- [TASK TO COMPLETE]
Should a line in the entries below contain "Concrete", return that line.

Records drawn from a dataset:
*****
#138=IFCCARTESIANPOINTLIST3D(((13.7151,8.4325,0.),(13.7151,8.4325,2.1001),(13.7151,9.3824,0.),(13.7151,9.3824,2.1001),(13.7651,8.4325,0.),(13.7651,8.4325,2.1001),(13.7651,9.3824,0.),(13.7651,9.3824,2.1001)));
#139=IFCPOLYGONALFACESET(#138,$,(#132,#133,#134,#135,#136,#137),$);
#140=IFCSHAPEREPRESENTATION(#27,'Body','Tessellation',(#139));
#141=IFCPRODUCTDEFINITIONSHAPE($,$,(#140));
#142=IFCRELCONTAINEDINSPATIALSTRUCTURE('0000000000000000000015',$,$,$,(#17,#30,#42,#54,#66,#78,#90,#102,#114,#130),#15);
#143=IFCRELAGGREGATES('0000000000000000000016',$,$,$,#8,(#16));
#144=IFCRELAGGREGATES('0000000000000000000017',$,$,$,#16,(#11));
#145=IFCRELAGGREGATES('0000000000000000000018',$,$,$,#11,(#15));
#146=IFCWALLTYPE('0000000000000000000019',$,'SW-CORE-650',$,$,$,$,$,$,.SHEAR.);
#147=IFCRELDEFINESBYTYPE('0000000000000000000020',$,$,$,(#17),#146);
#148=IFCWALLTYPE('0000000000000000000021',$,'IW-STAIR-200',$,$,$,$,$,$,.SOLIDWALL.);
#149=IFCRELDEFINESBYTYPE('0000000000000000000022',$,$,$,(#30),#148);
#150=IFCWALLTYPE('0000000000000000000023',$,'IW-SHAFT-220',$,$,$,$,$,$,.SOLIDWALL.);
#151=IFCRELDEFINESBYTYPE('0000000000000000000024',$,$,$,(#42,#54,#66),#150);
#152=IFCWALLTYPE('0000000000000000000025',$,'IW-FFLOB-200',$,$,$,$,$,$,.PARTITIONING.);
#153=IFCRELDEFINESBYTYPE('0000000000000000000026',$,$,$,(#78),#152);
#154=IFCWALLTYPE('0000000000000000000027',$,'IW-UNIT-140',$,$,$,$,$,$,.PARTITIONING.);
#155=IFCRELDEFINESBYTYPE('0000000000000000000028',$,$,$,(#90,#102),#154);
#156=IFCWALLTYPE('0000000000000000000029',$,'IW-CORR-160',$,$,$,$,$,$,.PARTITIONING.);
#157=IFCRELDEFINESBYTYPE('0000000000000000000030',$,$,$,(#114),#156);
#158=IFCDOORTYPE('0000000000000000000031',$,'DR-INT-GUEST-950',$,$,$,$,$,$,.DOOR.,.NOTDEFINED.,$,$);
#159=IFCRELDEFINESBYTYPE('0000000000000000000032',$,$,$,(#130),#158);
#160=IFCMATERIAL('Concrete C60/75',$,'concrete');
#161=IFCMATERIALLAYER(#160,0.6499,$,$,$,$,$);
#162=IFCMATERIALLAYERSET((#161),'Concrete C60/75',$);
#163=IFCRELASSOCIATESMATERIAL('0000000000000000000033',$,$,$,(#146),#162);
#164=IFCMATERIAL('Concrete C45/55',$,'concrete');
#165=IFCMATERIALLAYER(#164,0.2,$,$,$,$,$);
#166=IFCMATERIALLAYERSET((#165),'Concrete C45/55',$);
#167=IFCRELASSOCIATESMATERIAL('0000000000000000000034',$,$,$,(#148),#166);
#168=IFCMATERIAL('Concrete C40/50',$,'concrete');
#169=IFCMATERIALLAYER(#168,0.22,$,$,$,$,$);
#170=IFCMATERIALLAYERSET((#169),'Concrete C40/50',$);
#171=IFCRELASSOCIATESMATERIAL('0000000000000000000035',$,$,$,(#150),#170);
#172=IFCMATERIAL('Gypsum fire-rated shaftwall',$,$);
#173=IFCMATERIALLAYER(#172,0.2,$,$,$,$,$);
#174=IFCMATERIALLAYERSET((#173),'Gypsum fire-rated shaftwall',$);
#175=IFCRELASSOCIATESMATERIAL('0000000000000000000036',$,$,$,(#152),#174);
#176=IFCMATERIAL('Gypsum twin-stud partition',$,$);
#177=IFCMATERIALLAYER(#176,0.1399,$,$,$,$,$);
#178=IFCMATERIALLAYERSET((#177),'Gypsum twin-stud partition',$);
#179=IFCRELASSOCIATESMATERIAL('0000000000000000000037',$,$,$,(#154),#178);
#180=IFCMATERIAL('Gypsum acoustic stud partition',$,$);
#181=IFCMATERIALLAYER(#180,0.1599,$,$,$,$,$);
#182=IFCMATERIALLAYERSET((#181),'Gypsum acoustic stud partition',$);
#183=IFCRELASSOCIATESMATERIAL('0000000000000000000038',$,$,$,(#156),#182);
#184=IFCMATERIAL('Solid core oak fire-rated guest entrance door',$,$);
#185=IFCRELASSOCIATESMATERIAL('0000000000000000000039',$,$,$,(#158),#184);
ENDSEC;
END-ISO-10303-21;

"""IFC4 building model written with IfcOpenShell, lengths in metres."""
*****
- [SOLUTION]
#160=IFCMATERIAL('Concrete C60/75',$,'concrete');
#162=IFCMATERIALLAYERSET((#161),'Concrete C60/75',$);
#164=IFCMATERIAL('Concrete C45/55',$,'concrete');
#166=IFCMATERIALLAYERSET((#165),'Concrete C45/55',$);
#168=IFCMATERIAL('Concrete C40/50',$,'concrete');
#170=IFCMATERIALLAYERSET((#169),'Concrete C40/50',$);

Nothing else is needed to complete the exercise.